ACTION ITEM —
Restate word for word the lines that begin the listing and end with the line holding "14 Mounts Escarpment".

RECORDS PROVIDED —

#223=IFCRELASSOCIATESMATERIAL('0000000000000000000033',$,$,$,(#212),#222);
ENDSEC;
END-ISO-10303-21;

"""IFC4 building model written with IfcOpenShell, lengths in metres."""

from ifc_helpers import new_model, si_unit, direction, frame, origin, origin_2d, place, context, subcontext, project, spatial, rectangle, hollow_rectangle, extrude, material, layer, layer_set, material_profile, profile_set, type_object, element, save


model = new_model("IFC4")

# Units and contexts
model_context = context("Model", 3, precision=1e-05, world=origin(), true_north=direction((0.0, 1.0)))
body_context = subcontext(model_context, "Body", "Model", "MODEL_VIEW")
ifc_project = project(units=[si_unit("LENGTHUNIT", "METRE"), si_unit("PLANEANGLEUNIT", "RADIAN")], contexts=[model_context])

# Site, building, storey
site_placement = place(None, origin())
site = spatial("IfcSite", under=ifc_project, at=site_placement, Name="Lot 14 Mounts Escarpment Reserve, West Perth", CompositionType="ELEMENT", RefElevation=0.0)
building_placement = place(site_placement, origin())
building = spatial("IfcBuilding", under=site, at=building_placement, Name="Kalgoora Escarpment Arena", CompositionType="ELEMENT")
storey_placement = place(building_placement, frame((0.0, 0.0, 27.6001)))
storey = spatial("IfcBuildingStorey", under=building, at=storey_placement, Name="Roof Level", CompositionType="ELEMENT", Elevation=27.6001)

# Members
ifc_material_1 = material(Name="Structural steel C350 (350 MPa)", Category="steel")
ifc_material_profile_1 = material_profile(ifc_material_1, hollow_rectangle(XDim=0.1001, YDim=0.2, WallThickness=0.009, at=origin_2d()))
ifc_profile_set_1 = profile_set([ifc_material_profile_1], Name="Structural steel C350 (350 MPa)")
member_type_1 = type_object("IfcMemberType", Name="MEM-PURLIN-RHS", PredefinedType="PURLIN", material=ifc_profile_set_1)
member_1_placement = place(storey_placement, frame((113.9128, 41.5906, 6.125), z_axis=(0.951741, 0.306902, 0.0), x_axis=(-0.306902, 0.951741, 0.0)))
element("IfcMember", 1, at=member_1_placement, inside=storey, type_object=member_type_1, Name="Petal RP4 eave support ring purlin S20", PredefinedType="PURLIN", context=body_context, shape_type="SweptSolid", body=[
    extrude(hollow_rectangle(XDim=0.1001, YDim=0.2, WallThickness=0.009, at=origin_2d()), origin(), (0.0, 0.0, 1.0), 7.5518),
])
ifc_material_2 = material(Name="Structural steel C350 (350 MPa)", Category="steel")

WRITTEN REPLY —
#223=IFCRELASSOCIATESMATERIAL('0000000000000000000033',$,$,$,(#212),#222);
ENDSEC;
END-ISO-10303-21;

"""IFC4 building model written with IfcOpenShell, lengths in metres."""

from ifc_helpers import new_model, si_unit, direction, frame, origin, origin_2d, place, context, subcontext, project, spatial, rectangle, hollow_rectangle, extrude, material, layer, layer_set, material_profile, profile_set, type_object, element, save


model = new_model("IFC4")

# Units and contexts
model_context = context("Model", 3, precision=1e-05, world=origin(), true_north=direction((0.0, 1.0)))
body_context = subcontext(model_context, "Body", "Model", "MODEL_VIEW")
ifc_project = project(units=[si_unit("LENGTHUNIT", "METRE"), si_unit("PLANEANGLEUNIT", "RADIAN")], contexts=[model_context])

# Site, building, storey
site_placement = place(None, origin())
site = spatial("IfcSite", under=ifc_project, at=site_placement, Name="Lot 14 Mounts Escarpment Reserve, West Perth", CompositionType="ELEMENT", RefElevation=0.0)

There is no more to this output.